### DATASET EXCERPTS ###

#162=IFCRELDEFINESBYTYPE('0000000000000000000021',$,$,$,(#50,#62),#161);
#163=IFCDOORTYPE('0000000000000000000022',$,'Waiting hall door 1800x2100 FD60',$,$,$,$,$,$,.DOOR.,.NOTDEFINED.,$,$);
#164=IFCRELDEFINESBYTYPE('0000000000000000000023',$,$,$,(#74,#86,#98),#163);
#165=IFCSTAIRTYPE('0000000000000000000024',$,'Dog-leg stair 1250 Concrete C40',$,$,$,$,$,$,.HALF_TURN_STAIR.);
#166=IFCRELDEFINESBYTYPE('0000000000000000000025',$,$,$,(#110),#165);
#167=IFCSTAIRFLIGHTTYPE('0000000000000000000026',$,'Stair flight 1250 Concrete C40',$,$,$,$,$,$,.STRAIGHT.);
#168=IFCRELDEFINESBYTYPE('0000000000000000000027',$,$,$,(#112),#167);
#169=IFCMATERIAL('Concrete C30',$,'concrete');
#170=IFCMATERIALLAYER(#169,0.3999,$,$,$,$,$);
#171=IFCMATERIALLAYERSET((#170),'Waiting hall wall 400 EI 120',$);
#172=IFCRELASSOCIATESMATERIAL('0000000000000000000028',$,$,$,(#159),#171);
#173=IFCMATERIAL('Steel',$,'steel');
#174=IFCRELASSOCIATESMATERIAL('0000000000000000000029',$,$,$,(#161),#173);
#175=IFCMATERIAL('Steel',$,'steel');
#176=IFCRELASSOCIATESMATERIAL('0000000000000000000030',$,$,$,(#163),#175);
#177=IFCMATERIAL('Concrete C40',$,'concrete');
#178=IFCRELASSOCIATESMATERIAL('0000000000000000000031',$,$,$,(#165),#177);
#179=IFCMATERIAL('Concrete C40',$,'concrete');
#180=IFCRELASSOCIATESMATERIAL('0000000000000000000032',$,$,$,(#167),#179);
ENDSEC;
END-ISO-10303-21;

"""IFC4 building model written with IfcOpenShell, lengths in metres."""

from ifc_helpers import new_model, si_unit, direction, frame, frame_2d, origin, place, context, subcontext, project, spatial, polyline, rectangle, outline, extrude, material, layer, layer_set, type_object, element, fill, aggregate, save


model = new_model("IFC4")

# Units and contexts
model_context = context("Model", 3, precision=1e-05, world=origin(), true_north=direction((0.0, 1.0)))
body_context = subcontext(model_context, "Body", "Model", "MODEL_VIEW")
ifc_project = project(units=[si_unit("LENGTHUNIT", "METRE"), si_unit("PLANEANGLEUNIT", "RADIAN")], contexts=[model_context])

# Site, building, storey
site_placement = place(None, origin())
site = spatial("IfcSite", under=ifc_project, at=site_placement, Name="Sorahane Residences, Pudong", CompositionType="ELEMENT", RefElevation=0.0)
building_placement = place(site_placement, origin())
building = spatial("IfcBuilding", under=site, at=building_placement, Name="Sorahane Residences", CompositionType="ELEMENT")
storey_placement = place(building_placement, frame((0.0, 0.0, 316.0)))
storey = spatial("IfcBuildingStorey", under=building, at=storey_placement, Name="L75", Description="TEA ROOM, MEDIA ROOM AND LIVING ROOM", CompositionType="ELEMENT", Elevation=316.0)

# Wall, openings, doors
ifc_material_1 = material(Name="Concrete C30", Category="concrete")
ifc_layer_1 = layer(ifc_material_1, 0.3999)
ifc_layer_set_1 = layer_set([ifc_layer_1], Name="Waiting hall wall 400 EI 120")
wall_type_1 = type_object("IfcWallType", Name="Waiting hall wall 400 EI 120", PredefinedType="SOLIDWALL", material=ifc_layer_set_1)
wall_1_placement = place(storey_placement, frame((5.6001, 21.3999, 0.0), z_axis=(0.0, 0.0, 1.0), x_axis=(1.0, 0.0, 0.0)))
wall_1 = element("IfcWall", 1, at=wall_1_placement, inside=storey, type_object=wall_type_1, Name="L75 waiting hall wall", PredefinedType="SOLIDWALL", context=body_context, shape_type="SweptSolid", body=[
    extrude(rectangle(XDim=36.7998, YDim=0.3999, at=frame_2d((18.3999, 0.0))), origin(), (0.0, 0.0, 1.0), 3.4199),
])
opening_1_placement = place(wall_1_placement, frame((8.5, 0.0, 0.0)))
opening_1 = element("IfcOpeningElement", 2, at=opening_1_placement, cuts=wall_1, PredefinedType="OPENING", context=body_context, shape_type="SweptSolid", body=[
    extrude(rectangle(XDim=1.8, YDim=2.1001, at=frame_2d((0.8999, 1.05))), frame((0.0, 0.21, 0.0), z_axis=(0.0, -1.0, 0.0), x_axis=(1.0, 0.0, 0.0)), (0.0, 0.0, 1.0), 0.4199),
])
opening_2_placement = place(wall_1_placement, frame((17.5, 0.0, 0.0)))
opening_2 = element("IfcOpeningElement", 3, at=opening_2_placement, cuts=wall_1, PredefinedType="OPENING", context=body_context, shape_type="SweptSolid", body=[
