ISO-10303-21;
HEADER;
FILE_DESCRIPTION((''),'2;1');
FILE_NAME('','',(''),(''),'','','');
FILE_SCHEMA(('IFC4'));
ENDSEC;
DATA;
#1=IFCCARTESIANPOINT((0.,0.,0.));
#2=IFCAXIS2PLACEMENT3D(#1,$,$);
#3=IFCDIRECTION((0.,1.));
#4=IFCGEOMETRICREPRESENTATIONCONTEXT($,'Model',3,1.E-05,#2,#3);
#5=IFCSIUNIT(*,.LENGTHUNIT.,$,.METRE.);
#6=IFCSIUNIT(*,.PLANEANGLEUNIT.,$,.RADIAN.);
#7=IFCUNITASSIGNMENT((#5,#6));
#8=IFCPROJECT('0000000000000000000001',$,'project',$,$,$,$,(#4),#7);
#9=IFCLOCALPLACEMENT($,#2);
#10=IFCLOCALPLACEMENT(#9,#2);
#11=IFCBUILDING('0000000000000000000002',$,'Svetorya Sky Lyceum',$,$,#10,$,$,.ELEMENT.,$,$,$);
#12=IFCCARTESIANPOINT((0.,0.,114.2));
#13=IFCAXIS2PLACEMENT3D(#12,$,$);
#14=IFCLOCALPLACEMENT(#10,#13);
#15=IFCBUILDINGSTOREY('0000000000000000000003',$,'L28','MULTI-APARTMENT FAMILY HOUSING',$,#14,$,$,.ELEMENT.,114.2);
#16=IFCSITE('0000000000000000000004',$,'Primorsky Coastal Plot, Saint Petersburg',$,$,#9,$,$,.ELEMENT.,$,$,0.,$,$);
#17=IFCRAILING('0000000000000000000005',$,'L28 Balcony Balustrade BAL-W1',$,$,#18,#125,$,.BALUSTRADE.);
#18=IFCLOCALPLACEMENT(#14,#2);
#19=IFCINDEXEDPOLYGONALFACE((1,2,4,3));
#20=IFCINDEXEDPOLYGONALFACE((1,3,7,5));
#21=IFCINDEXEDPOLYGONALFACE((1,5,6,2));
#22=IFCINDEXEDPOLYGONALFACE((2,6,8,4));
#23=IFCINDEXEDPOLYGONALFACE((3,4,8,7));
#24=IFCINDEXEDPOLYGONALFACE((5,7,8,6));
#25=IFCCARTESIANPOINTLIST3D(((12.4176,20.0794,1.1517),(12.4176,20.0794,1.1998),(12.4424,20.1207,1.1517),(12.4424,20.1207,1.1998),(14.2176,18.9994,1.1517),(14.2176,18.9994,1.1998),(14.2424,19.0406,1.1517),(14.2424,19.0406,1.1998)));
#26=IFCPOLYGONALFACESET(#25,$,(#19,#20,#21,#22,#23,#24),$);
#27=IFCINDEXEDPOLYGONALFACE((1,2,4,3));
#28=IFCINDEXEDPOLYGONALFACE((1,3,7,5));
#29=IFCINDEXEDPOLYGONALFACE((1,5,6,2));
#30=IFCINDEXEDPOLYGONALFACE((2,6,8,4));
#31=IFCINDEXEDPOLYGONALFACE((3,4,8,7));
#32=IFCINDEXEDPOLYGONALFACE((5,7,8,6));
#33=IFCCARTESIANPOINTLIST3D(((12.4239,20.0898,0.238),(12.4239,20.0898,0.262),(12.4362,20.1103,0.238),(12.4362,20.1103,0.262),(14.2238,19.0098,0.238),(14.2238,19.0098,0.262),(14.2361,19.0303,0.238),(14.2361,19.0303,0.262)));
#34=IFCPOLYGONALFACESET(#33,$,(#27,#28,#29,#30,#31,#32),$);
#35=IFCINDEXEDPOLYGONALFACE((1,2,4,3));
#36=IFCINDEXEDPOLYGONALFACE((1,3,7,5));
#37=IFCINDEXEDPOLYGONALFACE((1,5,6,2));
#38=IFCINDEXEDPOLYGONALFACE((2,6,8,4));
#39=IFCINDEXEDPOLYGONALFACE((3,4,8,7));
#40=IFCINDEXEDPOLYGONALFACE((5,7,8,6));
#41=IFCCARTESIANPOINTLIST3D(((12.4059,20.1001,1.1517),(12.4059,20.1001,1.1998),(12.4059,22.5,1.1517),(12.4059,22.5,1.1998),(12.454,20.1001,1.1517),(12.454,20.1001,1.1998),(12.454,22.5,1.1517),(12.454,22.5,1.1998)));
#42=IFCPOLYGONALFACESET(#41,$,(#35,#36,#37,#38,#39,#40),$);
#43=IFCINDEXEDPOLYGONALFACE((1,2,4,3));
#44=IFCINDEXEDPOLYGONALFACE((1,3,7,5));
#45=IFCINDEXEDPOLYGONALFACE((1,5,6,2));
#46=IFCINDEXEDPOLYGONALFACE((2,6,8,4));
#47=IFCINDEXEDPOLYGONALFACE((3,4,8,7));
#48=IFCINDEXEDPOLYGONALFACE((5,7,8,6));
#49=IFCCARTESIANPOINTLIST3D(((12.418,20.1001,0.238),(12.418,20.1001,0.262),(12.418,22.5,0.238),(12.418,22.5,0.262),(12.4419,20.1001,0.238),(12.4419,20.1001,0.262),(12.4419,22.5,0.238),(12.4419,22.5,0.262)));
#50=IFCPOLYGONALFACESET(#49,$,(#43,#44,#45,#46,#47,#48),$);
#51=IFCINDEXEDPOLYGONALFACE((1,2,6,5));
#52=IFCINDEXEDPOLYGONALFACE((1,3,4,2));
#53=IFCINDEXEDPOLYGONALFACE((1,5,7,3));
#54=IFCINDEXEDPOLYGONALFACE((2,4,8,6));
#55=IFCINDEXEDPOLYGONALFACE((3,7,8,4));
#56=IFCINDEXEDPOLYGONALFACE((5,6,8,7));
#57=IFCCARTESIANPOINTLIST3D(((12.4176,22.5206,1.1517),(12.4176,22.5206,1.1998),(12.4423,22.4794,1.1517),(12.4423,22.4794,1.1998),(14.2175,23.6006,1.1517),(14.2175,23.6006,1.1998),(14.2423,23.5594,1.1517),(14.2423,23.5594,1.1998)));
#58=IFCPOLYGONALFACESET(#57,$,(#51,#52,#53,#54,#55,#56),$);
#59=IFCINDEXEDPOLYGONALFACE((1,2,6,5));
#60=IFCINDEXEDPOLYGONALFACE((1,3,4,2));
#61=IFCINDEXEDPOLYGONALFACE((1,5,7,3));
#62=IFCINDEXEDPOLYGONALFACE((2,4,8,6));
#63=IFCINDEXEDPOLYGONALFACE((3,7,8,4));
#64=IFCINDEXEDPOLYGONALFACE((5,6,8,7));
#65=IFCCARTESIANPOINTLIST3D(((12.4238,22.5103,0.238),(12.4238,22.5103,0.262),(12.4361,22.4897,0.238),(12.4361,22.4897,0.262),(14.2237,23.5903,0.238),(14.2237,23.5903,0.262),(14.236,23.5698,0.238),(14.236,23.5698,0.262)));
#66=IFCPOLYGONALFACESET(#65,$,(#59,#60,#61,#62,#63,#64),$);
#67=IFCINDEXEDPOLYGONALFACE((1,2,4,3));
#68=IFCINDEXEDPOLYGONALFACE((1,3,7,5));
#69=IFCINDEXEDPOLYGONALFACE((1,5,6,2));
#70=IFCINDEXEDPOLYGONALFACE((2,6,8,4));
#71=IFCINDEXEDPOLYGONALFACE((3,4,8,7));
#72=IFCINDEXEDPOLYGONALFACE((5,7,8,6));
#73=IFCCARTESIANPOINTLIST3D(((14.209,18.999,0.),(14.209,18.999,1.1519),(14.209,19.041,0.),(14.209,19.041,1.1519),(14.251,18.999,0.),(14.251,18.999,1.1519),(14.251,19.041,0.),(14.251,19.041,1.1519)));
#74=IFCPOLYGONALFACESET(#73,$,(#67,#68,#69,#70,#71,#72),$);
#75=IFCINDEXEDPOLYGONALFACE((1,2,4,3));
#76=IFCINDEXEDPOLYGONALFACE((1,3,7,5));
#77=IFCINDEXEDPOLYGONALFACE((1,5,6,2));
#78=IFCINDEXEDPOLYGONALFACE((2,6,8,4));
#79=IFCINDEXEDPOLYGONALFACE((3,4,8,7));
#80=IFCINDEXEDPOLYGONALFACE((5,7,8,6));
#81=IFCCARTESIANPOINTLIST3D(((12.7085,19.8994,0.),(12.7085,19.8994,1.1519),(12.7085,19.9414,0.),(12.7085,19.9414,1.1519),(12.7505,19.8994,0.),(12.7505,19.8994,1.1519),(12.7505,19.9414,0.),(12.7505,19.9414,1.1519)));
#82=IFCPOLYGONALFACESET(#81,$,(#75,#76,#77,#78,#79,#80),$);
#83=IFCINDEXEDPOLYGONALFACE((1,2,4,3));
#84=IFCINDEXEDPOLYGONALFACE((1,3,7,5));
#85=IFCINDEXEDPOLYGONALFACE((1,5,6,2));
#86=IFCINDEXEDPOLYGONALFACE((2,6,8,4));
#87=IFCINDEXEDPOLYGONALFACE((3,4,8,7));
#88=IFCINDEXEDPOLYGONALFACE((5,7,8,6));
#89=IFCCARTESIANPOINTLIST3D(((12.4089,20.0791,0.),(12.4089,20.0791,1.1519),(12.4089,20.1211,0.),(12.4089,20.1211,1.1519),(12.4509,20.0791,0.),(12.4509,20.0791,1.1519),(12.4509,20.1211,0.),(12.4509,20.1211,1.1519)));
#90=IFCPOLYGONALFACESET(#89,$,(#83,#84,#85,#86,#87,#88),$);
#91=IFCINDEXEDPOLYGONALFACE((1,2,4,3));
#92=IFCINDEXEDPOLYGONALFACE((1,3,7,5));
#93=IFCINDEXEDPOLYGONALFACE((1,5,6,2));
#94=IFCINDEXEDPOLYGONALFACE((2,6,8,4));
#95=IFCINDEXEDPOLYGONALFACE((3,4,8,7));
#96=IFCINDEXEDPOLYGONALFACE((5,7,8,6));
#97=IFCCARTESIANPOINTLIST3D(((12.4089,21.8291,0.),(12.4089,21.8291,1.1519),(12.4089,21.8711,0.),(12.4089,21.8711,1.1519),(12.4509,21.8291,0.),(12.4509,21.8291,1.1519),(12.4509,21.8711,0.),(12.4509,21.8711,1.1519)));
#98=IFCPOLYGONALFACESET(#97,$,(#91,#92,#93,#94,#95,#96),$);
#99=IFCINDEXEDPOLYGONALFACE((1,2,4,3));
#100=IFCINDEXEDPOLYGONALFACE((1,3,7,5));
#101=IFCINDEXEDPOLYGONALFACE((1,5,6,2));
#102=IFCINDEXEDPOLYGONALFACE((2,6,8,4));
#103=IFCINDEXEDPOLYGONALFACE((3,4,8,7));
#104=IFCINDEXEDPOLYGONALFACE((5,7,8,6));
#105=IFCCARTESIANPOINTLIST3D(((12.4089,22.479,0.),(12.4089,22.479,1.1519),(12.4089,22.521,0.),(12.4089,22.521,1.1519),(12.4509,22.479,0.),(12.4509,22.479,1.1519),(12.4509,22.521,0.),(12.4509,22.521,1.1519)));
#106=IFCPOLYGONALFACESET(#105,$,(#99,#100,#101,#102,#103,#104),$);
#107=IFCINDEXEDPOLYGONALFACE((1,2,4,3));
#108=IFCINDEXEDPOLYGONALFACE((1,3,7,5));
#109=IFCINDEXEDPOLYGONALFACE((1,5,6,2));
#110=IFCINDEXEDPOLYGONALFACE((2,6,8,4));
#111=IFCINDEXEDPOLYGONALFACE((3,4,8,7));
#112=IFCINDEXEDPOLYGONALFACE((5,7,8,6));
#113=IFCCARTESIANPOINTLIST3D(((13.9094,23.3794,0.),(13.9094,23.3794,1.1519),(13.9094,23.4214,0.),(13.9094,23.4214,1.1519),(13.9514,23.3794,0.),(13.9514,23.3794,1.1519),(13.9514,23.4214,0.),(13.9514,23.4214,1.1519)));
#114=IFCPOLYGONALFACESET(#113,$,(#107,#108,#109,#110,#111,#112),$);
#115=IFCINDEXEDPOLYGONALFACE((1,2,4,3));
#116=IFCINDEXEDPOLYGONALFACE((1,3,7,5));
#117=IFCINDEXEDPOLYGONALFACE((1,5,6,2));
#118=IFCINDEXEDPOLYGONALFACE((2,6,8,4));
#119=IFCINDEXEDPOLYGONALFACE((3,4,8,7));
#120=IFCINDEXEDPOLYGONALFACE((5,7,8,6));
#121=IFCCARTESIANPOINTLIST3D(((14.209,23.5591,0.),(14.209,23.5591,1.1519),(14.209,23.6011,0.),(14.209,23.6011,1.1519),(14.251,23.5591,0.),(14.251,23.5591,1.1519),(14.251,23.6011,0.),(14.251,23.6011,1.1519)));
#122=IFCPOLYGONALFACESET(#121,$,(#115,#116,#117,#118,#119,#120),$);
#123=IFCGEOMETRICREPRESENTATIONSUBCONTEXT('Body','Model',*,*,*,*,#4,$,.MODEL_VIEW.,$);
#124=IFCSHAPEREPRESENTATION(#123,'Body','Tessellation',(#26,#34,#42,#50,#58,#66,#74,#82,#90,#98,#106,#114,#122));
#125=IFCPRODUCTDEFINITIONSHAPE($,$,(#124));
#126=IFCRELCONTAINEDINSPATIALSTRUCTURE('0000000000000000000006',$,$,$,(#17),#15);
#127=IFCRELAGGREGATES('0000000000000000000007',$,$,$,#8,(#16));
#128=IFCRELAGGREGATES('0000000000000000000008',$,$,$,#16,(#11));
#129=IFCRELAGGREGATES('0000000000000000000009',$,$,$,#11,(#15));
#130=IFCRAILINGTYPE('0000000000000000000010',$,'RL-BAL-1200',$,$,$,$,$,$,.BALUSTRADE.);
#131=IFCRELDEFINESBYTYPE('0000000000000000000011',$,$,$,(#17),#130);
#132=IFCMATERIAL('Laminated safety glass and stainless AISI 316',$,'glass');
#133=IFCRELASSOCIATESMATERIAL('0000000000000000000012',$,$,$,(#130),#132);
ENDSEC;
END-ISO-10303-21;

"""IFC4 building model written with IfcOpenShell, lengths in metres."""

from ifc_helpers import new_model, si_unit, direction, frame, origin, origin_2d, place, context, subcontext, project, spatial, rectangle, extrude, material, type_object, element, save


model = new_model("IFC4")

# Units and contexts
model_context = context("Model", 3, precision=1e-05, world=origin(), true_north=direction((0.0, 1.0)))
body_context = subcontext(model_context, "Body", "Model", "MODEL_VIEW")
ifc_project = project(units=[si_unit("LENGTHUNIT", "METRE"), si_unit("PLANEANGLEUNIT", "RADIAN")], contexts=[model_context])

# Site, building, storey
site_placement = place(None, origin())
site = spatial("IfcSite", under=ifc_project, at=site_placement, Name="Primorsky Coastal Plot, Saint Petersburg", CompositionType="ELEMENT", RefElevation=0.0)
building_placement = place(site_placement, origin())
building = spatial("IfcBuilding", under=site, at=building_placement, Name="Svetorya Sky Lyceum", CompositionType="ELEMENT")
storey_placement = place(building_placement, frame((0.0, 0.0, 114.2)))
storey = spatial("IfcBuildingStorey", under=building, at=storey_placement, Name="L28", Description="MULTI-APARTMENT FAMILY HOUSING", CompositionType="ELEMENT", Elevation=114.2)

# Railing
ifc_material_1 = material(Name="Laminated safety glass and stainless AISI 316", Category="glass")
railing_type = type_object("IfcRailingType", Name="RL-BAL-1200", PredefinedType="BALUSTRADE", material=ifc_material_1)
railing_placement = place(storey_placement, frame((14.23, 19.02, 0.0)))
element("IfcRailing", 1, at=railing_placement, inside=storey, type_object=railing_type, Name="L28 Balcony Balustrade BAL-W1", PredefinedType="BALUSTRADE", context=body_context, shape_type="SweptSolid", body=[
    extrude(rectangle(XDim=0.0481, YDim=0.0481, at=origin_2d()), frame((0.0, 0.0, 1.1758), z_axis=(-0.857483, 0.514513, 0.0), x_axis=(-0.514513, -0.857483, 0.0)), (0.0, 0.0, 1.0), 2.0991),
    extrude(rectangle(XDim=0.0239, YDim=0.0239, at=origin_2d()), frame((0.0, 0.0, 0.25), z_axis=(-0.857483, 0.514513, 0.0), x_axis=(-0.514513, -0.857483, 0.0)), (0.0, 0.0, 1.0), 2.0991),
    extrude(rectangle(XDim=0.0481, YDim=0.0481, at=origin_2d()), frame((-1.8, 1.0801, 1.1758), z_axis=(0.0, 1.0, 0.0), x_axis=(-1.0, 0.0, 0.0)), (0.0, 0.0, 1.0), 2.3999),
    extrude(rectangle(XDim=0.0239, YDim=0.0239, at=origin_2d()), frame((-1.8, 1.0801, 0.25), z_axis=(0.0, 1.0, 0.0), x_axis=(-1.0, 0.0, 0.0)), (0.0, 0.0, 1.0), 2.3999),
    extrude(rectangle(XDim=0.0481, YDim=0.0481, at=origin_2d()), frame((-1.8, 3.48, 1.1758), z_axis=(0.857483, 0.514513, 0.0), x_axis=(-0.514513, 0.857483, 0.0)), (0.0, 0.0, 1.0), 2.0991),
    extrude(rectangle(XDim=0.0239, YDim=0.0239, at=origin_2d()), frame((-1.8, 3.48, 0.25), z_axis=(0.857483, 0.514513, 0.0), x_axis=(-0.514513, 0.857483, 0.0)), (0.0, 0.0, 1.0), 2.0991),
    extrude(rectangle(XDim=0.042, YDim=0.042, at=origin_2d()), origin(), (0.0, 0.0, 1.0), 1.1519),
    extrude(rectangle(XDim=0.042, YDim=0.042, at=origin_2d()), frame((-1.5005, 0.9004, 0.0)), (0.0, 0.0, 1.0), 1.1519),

###

### WORK INSTRUCTIONS
Give the number of lines in the entries that hold the string "Residences", and add nothing else.

### FINAL ANSWER
2